▸ TASK DESCRIPTION:
Copy out every line of the data exactly.

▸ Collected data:
▼

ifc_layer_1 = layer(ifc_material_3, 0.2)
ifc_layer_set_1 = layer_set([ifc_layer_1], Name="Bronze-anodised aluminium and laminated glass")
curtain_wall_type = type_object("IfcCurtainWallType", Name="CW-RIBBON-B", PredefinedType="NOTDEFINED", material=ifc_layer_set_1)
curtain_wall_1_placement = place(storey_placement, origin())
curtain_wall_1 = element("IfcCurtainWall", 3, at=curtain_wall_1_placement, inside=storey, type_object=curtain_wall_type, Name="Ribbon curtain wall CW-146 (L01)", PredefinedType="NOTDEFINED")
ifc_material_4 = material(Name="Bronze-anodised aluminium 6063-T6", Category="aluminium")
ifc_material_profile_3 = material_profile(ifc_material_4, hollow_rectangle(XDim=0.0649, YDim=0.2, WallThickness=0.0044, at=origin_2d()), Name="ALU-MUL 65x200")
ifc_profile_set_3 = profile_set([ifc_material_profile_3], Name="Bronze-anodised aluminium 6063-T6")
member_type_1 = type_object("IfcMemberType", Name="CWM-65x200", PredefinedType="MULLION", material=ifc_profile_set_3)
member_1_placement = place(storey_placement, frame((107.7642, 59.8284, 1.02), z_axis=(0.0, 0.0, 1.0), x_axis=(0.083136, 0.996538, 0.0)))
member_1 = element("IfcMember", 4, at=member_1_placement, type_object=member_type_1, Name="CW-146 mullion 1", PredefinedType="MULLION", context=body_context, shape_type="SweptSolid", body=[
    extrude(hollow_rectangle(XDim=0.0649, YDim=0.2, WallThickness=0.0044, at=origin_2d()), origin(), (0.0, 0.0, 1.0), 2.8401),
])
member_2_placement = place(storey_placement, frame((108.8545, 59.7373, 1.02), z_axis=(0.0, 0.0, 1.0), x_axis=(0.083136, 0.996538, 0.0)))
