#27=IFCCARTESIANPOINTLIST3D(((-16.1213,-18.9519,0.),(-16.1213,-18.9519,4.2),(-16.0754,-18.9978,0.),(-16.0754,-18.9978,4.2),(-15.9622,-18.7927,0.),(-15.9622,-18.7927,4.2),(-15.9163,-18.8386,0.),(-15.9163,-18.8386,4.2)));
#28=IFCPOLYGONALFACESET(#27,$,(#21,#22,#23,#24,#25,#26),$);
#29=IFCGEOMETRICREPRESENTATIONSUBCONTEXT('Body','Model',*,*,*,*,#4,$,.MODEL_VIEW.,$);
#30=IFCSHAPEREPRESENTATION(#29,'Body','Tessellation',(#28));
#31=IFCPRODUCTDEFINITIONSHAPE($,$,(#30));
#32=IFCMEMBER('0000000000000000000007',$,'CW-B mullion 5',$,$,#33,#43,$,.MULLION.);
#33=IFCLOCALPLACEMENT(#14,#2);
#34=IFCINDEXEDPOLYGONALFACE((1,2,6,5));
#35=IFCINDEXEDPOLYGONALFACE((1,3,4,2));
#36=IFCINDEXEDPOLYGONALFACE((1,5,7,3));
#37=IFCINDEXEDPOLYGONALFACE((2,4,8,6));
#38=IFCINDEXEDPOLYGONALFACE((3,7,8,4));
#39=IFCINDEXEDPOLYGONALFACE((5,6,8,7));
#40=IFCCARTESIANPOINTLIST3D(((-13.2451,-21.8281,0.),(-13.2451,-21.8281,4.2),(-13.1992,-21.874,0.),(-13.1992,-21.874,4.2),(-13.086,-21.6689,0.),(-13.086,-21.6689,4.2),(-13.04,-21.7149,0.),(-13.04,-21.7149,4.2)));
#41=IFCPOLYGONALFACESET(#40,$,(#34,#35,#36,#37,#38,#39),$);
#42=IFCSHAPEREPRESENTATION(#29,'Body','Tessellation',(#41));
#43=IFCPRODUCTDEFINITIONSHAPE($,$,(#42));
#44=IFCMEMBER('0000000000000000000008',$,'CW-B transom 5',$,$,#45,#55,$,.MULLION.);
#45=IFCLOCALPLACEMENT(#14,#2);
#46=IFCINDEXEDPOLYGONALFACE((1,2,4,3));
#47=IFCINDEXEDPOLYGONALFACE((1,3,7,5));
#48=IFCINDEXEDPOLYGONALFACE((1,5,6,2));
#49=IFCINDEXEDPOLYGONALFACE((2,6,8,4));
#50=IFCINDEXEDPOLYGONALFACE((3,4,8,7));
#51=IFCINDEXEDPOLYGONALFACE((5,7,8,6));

▲

▸ RESULT OF THIS TASK:
ifc_layer_1 = layer(ifc_material_3, 0.2)
ifc_layer_set_1 = layer_set([ifc_layer_1], Name="Bronze-anodised aluminium and laminated glass")
curtain_wall_type = type_object("IfcCurtainWallType", Name="CW-RIBBON-B", PredefinedType="NOTDEFINED", material=ifc_layer_set_1)
curtain_wall_1_placement = place(storey_placement, origin())
curtain_wall_1 = element("IfcCurtainWall", 3, at=curtain_wall_1_placement, inside=storey, type_object=curtain_wall_type, Name="Ribbon curtain wall CW-146 (L01)", PredefinedType="NOTDEFINED")
ifc_material_4 = material(Name="Bronze-anodised aluminium 6063-T6", Category="aluminium")
ifc_material_profile_3 = material_profile(ifc_material_4, hollow_rectangle(XDim=0.0649, YDim=0.2, WallThickness=0.0044, at=origin_2d()), Name="ALU-MUL 65x200")
ifc_profile_set_3 = profile_set([ifc_material_profile_3], Name="Bronze-anodised aluminium 6063-T6")
member_type_1 = type_object("IfcMemberType", Name="CWM-65x200", PredefinedType="MULLION", material=ifc_profile_set_3)
member_1_placement = place(storey_placement, frame((107.7642, 59.8284, 1.02), z_axis=(0.0, 0.0, 1.0), x_axis=(0.083136, 0.996538, 0.0)))
member_1 = element("IfcMember", 4, at=member_1_placement, type_object=member_type_1, Name="CW-146 mullion 1", PredefinedType="MULLION", context=body_context, shape_type="SweptSolid", body=[
    extrude(hollow_rectangle(XDim=0.0649, YDim=0.2, WallThickness=0.0044, at=origin_2d()), origin(), (0.0, 0.0, 1.0), 2.8401),
])
member_2_placement = place(storey_placement, frame((108.8545, 59.7373, 1.02), z_axis=(0.0, 0.0, 1.0), x_axis=(0.083136, 0.996538, 0.0)))
#27=IFCCARTESIANPOINTLIST3D(((-16.1213,-18.9519,0.),(-16.1213,-18.9519,4.2),(-16.0754,-18.9978,0.),(-16.0754,-18.9978,4.2),(-15.9622,-18.7927,0.),(-15.9622,-18.7927,4.2),(-15.9163,-18.8386,0.),(-15.9163,-18.8386,4.2)));
#28=IFCPOLYGONALFACESET(#27,$,(#21,#22,#23,#24,#25,#26),$);
#29=IFCGEOMETRICREPRESENTATIONSUBCONTEXT('Body','Model',*,*,*,*,#4,$,.MODEL_VIEW.,$);
#30=IFCSHAPEREPRESENTATION(#29,'Body','Tessellation',(#28));
#31=IFCPRODUCTDEFINITIONSHAPE($,$,(#30));
#32=IFCMEMBER('0000000000000000000007',$,'CW-B mullion 5',$,$,#33,#43,$,.MULLION.);
#33=IFCLOCALPLACEMENT(#14,#2);
#34=IFCINDEXEDPOLYGONALFACE((1,2,6,5));
#35=IFCINDEXEDPOLYGONALFACE((1,3,4,2));
#36=IFCINDEXEDPOLYGONALFACE((1,5,7,3));
#37=IFCINDEXEDPOLYGONALFACE((2,4,8,6));
#38=IFCINDEXEDPOLYGONALFACE((3,7,8,4));
#39=IFCINDEXEDPOLYGONALFACE((5,6,8,7));
#40=IFCCARTESIANPOINTLIST3D(((-13.2451,-21.8281,0.),(-13.2451,-21.8281,4.2),(-13.1992,-21.874,0.),(-13.1992,-21.874,4.2),(-13.086,-21.6689,0.),(-13.086,-21.6689,4.2),(-13.04,-21.7149,0.),(-13.04,-21.7149,4.2)));
#41=IFCPOLYGONALFACESET(#40,$,(#34,#35,#36,#37,#38,#39),$);
#42=IFCSHAPEREPRESENTATION(#29,'Body','Tessellation',(#41));
#43=IFCPRODUCTDEFINITIONSHAPE($,$,(#42));
#44=IFCMEMBER('0000000000000000000008',$,'CW-B transom 5',$,$,#45,#55,$,.MULLION.);
#45=IFCLOCALPLACEMENT(#14,#2);
#46=IFCINDEXEDPOLYGONALFACE((1,2,4,3));
#47=IFCINDEXEDPOLYGONALFACE((1,3,7,5));
#48=IFCINDEXEDPOLYGONALFACE((1,5,6,2));
#49=IFCINDEXEDPOLYGONALFACE((2,6,8,4));
#50=IFCINDEXEDPOLYGONALFACE((3,4,8,7));
#51=IFCINDEXEDPOLYGONALFACE((5,7,8,6));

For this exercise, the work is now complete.